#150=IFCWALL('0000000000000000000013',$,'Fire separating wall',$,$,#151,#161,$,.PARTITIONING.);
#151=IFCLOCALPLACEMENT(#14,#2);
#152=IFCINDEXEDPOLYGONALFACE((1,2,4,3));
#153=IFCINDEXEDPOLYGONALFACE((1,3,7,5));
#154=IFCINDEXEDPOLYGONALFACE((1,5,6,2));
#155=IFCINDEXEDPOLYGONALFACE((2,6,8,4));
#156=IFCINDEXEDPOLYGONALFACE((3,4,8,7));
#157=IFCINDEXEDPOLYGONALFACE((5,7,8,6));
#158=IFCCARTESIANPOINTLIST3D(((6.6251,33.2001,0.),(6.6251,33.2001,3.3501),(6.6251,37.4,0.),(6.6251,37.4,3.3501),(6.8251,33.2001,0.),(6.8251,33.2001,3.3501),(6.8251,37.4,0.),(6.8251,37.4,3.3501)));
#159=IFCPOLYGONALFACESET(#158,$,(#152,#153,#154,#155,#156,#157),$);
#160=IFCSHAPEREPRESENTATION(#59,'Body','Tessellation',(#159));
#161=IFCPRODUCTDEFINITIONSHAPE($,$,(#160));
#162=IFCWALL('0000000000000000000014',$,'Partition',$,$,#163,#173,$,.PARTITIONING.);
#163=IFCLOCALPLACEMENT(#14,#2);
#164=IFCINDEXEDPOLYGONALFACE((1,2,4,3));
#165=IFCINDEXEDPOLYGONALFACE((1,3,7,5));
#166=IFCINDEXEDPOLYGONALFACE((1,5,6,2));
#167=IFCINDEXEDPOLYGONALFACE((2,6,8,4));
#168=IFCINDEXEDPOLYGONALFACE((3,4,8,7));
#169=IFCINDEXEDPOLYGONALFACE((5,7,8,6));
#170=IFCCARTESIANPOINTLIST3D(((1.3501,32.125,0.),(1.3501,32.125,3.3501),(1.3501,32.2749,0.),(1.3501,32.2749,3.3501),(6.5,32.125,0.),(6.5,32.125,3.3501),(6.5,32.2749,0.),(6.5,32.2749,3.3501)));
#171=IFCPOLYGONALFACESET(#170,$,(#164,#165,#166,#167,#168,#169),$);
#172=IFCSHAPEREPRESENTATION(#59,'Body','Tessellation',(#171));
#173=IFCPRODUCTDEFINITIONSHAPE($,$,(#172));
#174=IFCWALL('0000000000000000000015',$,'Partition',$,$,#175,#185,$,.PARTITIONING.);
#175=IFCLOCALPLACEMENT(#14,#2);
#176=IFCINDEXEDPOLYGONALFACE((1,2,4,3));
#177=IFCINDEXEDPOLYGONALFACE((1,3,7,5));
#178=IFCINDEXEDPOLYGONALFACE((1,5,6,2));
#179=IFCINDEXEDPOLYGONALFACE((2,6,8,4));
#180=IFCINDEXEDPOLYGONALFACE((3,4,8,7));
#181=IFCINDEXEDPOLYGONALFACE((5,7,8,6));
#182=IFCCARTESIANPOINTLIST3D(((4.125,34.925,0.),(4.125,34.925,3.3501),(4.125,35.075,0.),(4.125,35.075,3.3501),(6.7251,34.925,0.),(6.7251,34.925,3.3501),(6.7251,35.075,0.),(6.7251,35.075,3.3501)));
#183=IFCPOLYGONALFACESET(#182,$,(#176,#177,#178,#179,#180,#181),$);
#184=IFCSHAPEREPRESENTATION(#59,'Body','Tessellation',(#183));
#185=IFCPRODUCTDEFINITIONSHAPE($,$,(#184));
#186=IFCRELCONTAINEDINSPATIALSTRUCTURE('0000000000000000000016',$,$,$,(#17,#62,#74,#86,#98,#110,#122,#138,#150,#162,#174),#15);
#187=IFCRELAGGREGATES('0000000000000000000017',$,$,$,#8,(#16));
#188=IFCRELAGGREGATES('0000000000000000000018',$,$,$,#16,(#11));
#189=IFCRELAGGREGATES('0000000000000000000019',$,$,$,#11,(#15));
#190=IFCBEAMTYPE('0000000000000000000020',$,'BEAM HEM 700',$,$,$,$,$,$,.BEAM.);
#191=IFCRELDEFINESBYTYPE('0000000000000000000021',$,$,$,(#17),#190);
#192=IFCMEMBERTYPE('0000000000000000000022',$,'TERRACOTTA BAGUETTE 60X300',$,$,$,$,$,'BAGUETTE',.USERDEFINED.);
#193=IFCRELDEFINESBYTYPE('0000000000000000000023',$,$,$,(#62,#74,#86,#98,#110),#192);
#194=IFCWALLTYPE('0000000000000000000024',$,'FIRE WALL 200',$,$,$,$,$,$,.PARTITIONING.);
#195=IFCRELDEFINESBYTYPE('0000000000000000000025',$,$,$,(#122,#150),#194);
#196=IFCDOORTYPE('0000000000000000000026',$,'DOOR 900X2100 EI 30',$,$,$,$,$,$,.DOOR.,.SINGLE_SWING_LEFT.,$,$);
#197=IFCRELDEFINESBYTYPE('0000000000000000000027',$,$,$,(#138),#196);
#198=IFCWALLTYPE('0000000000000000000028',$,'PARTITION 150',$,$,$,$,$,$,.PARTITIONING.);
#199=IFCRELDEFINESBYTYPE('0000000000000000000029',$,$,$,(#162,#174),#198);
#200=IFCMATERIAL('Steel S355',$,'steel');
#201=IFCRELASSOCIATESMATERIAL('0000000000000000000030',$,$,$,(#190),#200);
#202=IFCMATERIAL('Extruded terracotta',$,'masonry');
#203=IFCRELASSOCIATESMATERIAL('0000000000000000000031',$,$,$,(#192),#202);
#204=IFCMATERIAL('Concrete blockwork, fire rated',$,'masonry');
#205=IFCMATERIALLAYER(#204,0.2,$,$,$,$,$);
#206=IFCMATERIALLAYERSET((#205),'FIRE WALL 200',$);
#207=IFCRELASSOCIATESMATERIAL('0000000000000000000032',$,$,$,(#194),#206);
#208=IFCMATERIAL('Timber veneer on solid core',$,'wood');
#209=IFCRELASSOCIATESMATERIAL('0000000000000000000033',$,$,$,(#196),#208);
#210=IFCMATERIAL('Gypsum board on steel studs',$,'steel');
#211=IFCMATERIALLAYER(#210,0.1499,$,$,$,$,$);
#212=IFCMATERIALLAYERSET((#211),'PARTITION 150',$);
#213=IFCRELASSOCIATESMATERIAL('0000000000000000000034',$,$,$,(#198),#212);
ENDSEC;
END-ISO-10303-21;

* **About this task**
Word for word, return the entire listing above.

* **Output**
#150=IFCWALL('0000000000000000000013',$,'Fire separating wall',$,$,#151,#161,$,.PARTITIONING.);
#151=IFCLOCALPLACEMENT(#14,#2);
#152=IFCINDEXEDPOLYGONALFACE((1,2,4,3));
#153=IFCINDEXEDPOLYGONALFACE((1,3,7,5));
#154=IFCINDEXEDPOLYGONALFACE((1,5,6,2));
#155=IFCINDEXEDPOLYGONALFACE((2,6,8,4));
#156=IFCINDEXEDPOLYGONALFACE((3,4,8,7));
#157=IFCINDEXEDPOLYGONALFACE((5,7,8,6));
#158=IFCCARTESIANPOINTLIST3D(((6.6251,33.2001,0.),(6.6251,33.2001,3.3501),(6.6251,37.4,0.),(6.6251,37.4,3.3501),(6.8251,33.2001,0.),(6.8251,33.2001,3.3501),(6.8251,37.4,0.),(6.8251,37.4,3.3501)));
#159=IFCPOLYGONALFACESET(#158,$,(#152,#153,#154,#155,#156,#157),$);
#160=IFCSHAPEREPRESENTATION(#59,'Body','Tessellation',(#159));
#161=IFCPRODUCTDEFINITIONSHAPE($,$,(#160));
#162=IFCWALL('0000000000000000000014',$,'Partition',$,$,#163,#173,$,.PARTITIONING.);
#163=IFCLOCALPLACEMENT(#14,#2);
#164=IFCINDEXEDPOLYGONALFACE((1,2,4,3));
#165=IFCINDEXEDPOLYGONALFACE((1,3,7,5));
#166=IFCINDEXEDPOLYGONALFACE((1,5,6,2));
#167=IFCINDEXEDPOLYGONALFACE((2,6,8,4));
#168=IFCINDEXEDPOLYGONALFACE((3,4,8,7));
#169=IFCINDEXEDPOLYGONALFACE((5,7,8,6));
#170=IFCCARTESIANPOINTLIST3D(((1.3501,32.125,0.),(1.3501,32.125,3.3501),(1.3501,32.2749,0.),(1.3501,32.2749,3.3501),(6.5,32.125,0.),(6.5,32.125,3.3501),(6.5,32.2749,0.),(6.5,32.2749,3.3501)));
#171=IFCPOLYGONALFACESET(#170,$,(#164,#165,#166,#167,#168,#169),$);
#172=IFCSHAPEREPRESENTATION(#59,'Body','Tessellation',(#171));
#173=IFCPRODUCTDEFINITIONSHAPE($,$,(#172));
#174=IFCWALL('0000000000000000000015',$,'Partition',$,$,#175,#185,$,.PARTITIONING.);
#175=IFCLOCALPLACEMENT(#14,#2);
#176=IFCINDEXEDPOLYGONALFACE((1,2,4,3));
#177=IFCINDEXEDPOLYGONALFACE((1,3,7,5));
#178=IFCINDEXEDPOLYGONALFACE((1,5,6,2));
#179=IFCINDEXEDPOLYGONALFACE((2,6,8,4));
#180=IFCINDEXEDPOLYGONALFACE((3,4,8,7));
#181=IFCINDEXEDPOLYGONALFACE((5,7,8,6));
#182=IFCCARTESIANPOINTLIST3D(((4.125,34.925,0.),(4.125,34.925,3.3501),(4.125,35.075,0.),(4.125,35.075,3.3501),(6.7251,34.925,0.),(6.7251,34.925,3.3501),(6.7251,35.075,0.),(6.7251,35.075,3.3501)));
#183=IFCPOLYGONALFACESET(#182,$,(#176,#177,#178,#179,#180,#181),$);
#184=IFCSHAPEREPRESENTATION(#59,'Body','Tessellation',(#183));
#185=IFCPRODUCTDEFINITIONSHAPE($,$,(#184));
#186=IFCRELCONTAINEDINSPATIALSTRUCTURE('0000000000000000000016',$,$,$,(#17,#62,#74,#86,#98,#110,#122,#138,#150,#162,#174),#15);
#187=IFCRELAGGREGATES('0000000000000000000017',$,$,$,#8,(#16));
#188=IFCRELAGGREGATES('0000000000000000000018',$,$,$,#16,(#11));
#189=IFCRELAGGREGATES('0000000000000000000019',$,$,$,#11,(#15));
#190=IFCBEAMTYPE('0000000000000000000020',$,'BEAM HEM 700',$,$,$,$,$,$,.BEAM.);
#191=IFCRELDEFINESBYTYPE('0000000000000000000021',$,$,$,(#17),#190);
#192=IFCMEMBERTYPE('0000000000000000000022',$,'TERRACOTTA BAGUETTE 60X300',$,$,$,$,$,'BAGUETTE',.USERDEFINED.);
#193=IFCRELDEFINESBYTYPE('0000000000000000000023',$,$,$,(#62,#74,#86,#98,#110),#192);
#194=IFCWALLTYPE('0000000000000000000024',$,'FIRE WALL 200',$,$,$,$,$,$,.PARTITIONING.);
#195=IFCRELDEFINESBYTYPE('0000000000000000000025',$,$,$,(#122,#150),#194);
#196=IFCDOORTYPE('0000000000000000000026',$,'DOOR 900X2100 EI 30',$,$,$,$,$,$,.DOOR.,.SINGLE_SWING_LEFT.,$,$);
#197=IFCRELDEFINESBYTYPE('0000000000000000000027',$,$,$,(#138),#196);
#198=IFCWALLTYPE('0000000000000000000028',$,'PARTITION 150',$,$,$,$,$,$,.PARTITIONING.);
#199=IFCRELDEFINESBYTYPE('0000000000000000000029',$,$,$,(#162,#174),#198);
#200=IFCMATERIAL('Steel S355',$,'steel');
#201=IFCRELASSOCIATESMATERIAL('0000000000000000000030',$,$,$,(#190),#200);
#202=IFCMATERIAL('Extruded terracotta',$,'masonry');
#203=IFCRELASSOCIATESMATERIAL('0000000000000000000031',$,$,$,(#192),#202);
#204=IFCMATERIAL('Concrete blockwork, fire rated',$,'masonry');
#205=IFCMATERIALLAYER(#204,0.2,$,$,$,$,$);
#206=IFCMATERIALLAYERSET((#205),'FIRE WALL 200',$);
#207=IFCRELASSOCIATESMATERIAL('0000000000000000000032',$,$,$,(#194),#206);
#208=IFCMATERIAL('Timber veneer on solid core',$,'wood');
#209=IFCRELASSOCIATESMATERIAL('0000000000000000000033',$,$,$,(#196),#208);
#210=IFCMATERIAL('Gypsum board on steel studs',$,'steel');
#211=IFCMATERIALLAYER(#210,0.1499,$,$,$,$,$);
#212=IFCMATERIALLAYERSET((#211),'PARTITION 150',$);
#213=IFCRELASSOCIATESMATERIAL('0000000000000000000034',$,$,$,(#198),#212);
ENDSEC;
END-ISO-10303-21;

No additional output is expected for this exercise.